EXERCISE REQUIREMENTS → The answer is the set of lines that include "ElementType", copied from the data below.

GIVEN ENTRIES →
[Start of Attachment]

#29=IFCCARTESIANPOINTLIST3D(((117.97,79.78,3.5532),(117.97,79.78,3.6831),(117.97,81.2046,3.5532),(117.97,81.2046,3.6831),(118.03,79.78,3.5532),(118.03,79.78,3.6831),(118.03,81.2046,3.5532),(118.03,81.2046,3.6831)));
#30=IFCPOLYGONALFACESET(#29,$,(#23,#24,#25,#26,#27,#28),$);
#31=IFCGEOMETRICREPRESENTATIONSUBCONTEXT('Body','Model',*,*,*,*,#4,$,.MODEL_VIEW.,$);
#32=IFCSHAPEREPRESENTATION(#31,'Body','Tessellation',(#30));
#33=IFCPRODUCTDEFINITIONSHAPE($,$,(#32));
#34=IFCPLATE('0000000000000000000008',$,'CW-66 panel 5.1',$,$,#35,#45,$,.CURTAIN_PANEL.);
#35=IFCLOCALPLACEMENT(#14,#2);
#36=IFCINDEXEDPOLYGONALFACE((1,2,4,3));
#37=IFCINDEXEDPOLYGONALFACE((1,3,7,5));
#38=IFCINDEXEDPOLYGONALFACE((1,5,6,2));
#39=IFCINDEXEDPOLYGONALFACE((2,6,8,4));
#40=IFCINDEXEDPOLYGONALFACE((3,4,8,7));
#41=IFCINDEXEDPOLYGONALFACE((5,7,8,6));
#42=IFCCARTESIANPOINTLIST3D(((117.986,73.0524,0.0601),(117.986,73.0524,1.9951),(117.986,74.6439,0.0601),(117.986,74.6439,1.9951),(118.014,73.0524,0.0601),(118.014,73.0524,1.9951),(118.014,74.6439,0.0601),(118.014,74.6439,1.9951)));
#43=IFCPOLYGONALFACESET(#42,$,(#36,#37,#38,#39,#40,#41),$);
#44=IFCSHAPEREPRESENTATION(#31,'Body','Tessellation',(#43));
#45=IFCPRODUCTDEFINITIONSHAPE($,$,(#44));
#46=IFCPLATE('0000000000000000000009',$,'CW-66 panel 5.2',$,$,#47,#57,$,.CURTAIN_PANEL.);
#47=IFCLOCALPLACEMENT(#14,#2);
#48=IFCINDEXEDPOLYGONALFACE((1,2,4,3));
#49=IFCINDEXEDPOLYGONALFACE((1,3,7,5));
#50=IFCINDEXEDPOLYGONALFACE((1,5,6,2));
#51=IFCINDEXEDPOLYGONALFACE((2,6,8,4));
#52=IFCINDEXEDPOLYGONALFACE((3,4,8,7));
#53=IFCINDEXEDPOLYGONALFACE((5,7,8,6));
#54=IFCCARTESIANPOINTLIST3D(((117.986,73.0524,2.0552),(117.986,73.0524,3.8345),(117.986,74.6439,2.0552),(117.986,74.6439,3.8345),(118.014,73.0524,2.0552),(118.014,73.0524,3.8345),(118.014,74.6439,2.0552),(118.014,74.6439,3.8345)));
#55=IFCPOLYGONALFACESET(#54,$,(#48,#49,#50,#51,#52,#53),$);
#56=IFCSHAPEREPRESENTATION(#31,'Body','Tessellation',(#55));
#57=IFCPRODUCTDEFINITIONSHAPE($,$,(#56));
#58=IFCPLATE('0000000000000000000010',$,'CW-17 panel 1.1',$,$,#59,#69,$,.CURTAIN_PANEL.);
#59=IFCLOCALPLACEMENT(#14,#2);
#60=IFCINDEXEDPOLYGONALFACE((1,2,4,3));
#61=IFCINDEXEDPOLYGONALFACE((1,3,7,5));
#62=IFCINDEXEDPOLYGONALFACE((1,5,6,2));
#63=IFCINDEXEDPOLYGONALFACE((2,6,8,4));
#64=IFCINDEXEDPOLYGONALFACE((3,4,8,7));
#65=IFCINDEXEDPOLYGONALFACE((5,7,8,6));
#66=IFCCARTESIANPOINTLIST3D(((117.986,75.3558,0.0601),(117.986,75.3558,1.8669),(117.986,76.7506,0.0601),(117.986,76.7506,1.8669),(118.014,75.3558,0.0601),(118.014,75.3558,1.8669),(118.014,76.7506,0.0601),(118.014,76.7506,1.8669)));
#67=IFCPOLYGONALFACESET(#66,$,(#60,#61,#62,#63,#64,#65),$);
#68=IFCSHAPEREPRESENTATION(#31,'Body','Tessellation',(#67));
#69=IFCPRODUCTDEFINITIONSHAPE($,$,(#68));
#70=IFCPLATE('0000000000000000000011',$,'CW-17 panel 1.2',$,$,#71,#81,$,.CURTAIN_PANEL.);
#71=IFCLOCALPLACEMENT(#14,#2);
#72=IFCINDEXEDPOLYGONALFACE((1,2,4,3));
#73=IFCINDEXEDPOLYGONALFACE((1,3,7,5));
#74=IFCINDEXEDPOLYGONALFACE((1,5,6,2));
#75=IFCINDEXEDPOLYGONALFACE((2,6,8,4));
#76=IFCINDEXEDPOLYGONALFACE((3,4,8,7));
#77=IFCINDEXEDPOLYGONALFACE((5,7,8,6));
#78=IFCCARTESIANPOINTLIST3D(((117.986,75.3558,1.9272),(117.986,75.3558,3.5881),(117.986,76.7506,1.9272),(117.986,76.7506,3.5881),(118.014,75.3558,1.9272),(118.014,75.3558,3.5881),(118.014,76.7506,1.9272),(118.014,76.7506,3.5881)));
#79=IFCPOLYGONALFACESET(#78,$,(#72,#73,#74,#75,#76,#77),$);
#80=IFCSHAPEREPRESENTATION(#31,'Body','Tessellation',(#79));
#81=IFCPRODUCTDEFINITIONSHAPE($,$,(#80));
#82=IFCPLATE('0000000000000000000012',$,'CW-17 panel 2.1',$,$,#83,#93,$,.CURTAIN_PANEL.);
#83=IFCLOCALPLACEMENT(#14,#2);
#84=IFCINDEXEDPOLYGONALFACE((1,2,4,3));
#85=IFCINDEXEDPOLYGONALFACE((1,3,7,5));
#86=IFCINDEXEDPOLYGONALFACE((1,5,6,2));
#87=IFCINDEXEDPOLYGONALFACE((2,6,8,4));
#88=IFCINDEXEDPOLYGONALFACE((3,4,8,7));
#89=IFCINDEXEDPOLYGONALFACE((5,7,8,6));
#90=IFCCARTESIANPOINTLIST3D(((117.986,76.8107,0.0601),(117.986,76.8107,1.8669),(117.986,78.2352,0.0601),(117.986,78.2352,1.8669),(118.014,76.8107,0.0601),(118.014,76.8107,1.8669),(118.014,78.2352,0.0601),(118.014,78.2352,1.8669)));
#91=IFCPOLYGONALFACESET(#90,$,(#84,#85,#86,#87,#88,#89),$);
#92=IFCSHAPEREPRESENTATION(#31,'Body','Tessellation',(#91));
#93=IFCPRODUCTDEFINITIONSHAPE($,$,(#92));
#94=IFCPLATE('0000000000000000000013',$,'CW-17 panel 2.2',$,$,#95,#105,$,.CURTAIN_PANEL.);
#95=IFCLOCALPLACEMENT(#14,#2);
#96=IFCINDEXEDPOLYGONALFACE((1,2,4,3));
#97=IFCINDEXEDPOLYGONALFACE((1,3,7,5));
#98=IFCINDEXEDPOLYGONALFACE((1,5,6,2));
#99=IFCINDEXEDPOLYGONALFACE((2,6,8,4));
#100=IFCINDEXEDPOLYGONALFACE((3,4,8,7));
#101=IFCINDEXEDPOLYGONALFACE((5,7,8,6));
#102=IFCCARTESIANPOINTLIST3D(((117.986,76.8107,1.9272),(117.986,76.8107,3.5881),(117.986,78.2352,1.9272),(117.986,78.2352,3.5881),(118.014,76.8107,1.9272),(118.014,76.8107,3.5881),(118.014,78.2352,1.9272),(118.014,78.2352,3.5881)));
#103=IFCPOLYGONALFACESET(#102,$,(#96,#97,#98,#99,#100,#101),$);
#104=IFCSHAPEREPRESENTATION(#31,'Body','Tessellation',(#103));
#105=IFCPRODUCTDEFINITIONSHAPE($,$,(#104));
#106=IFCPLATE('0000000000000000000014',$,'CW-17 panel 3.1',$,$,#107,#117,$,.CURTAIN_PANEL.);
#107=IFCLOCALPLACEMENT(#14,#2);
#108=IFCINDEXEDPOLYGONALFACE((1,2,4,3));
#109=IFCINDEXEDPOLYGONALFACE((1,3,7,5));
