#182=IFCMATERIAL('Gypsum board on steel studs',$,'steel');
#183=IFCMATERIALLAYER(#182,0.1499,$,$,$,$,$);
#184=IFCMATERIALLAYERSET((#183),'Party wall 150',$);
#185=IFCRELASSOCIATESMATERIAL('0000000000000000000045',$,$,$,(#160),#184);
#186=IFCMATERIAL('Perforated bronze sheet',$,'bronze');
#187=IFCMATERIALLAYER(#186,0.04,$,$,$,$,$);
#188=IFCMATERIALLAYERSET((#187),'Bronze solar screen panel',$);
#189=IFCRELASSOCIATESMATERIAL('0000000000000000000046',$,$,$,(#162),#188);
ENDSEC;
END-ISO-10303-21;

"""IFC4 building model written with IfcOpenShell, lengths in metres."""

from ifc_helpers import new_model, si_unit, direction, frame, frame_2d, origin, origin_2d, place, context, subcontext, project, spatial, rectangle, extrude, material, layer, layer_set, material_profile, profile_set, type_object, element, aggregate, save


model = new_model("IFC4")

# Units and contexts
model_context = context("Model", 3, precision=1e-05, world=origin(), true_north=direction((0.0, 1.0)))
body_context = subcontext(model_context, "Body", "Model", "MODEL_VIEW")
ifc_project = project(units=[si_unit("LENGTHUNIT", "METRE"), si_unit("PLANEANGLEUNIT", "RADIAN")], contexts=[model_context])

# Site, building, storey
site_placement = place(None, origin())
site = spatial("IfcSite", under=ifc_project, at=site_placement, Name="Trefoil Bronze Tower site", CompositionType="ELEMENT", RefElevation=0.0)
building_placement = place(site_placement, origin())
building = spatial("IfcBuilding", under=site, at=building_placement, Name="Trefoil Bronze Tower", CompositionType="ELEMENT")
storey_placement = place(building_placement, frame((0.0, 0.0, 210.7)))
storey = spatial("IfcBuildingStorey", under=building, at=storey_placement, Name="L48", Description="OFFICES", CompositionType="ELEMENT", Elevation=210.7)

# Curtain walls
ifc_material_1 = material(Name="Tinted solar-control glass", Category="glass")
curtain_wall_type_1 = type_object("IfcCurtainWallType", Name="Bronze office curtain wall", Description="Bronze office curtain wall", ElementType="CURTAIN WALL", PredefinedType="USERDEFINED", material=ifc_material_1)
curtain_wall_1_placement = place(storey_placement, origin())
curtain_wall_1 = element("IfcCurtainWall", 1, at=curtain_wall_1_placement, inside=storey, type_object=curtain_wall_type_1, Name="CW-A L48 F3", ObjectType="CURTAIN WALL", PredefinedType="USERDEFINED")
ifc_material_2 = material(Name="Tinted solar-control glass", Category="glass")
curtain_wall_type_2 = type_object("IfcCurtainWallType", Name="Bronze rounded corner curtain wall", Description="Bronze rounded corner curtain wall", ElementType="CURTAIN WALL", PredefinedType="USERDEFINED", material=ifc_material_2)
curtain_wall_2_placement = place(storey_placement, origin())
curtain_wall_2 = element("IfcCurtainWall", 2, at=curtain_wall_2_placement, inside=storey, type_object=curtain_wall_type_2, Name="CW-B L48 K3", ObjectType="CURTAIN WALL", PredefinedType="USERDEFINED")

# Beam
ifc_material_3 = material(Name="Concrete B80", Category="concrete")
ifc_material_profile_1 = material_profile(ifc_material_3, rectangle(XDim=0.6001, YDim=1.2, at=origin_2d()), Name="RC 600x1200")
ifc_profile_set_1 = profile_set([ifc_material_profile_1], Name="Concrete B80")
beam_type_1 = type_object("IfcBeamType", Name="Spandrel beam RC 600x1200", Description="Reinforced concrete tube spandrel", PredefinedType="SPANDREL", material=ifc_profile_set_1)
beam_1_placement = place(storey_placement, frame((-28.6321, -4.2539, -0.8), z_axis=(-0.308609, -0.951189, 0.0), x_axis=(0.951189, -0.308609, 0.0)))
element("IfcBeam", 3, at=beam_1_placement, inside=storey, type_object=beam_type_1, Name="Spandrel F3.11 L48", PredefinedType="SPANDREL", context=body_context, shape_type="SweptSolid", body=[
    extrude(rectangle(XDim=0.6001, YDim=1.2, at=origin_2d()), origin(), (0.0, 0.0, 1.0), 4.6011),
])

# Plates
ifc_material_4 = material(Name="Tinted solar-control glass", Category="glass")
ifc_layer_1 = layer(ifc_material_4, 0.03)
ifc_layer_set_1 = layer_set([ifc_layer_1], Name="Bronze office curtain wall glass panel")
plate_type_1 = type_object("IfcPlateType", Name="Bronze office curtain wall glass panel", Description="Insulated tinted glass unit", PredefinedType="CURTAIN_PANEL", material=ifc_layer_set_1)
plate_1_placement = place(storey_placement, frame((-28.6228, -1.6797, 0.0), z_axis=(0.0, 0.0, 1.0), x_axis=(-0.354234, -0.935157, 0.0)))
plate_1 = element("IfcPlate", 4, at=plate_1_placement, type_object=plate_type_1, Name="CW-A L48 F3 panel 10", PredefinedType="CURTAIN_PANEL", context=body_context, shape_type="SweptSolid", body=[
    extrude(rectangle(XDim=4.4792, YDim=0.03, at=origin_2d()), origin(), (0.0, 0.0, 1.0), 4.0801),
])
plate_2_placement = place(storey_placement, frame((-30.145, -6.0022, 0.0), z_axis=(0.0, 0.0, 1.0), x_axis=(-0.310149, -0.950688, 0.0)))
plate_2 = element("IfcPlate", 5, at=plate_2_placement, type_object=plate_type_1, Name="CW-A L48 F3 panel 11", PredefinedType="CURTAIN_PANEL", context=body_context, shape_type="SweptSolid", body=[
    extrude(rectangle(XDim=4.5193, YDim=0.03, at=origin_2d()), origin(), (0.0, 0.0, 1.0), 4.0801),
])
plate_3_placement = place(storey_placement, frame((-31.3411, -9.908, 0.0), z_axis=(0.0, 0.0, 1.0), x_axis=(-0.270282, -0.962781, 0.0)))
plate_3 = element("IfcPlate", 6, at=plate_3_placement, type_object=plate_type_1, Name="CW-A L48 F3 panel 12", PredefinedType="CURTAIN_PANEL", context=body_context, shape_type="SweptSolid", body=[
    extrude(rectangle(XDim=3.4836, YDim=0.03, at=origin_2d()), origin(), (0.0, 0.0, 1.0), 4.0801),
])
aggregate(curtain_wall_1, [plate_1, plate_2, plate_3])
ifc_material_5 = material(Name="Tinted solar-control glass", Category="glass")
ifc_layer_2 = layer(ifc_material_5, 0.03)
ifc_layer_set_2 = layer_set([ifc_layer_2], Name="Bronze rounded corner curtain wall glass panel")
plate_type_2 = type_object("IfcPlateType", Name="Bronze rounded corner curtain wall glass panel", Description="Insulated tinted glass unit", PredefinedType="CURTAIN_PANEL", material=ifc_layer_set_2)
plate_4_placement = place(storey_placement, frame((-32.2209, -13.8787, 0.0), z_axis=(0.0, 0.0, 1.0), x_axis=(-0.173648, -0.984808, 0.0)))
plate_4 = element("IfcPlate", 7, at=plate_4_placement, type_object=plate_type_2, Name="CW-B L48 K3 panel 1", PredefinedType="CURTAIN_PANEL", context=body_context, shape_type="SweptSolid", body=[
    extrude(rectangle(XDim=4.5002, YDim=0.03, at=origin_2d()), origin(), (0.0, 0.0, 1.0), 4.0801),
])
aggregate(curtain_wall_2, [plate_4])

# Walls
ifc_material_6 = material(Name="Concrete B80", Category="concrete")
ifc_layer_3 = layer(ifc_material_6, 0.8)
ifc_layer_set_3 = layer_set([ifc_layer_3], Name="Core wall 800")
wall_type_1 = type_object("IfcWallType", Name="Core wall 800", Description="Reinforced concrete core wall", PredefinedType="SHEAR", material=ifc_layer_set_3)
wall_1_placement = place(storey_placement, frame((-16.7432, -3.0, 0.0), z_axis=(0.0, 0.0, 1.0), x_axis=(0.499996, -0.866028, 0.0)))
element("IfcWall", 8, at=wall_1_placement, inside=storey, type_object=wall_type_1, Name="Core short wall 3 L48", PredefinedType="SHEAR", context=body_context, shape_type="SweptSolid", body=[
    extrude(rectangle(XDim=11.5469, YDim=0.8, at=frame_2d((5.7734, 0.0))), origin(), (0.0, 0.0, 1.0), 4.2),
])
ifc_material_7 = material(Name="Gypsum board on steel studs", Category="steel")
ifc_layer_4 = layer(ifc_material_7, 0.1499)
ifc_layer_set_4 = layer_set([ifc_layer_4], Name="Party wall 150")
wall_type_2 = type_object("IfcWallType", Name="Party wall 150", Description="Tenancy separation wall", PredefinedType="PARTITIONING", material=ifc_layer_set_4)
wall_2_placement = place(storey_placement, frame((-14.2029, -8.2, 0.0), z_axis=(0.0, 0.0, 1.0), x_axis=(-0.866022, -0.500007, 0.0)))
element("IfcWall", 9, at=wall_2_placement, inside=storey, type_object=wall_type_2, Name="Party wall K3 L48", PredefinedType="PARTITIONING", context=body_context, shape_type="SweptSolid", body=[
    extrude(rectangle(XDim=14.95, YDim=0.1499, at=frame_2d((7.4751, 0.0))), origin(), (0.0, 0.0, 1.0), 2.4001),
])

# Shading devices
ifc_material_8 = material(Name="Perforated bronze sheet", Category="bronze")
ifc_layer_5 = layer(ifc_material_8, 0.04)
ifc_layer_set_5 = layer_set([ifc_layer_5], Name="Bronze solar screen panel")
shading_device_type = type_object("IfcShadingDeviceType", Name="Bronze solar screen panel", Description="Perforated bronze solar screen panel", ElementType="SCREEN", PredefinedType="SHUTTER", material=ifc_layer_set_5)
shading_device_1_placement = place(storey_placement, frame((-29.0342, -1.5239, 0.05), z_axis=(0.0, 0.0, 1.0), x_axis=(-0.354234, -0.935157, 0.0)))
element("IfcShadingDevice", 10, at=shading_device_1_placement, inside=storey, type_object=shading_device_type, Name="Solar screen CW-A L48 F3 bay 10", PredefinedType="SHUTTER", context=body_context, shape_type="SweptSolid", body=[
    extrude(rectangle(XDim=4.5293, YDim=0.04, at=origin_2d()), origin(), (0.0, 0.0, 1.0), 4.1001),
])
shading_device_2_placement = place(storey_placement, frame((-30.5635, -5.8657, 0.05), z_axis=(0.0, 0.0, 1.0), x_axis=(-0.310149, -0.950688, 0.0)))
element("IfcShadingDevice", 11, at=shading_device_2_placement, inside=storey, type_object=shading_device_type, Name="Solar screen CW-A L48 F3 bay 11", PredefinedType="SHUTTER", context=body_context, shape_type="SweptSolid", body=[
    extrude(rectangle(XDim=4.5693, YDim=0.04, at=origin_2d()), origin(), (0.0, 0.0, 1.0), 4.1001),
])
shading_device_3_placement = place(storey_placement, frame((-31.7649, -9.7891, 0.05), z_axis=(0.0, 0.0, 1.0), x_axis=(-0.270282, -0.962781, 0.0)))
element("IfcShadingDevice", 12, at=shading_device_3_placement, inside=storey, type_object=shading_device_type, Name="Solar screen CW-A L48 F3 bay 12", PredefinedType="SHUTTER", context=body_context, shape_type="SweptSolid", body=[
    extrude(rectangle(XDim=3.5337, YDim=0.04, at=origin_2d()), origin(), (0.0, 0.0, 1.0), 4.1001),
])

[End of Attachment]

EXERCISE RESULT →
curtain_wall_type_1 = type_object("IfcCurtainWallType", Name="Bronze office curtain wall", Description="Bronze office curtain wall", ElementType="CURTAIN WALL", PredefinedType="USERDEFINED", material=ifc_material_1)
curtain_wall_type_2 = type_object("IfcCurtainWallType", Name="Bronze rounded corner curtain wall", Description="Bronze rounded corner curtain wall", ElementType="CURTAIN WALL", PredefinedType="USERDEFINED", material=ifc_material_2)
shading_device_type = type_object("IfcShadingDeviceType", Name="Bronze solar screen panel", Description="Perforated bronze solar screen panel", ElementType="SCREEN", PredefinedType="SHUTTER", material=ifc_layer_set_5)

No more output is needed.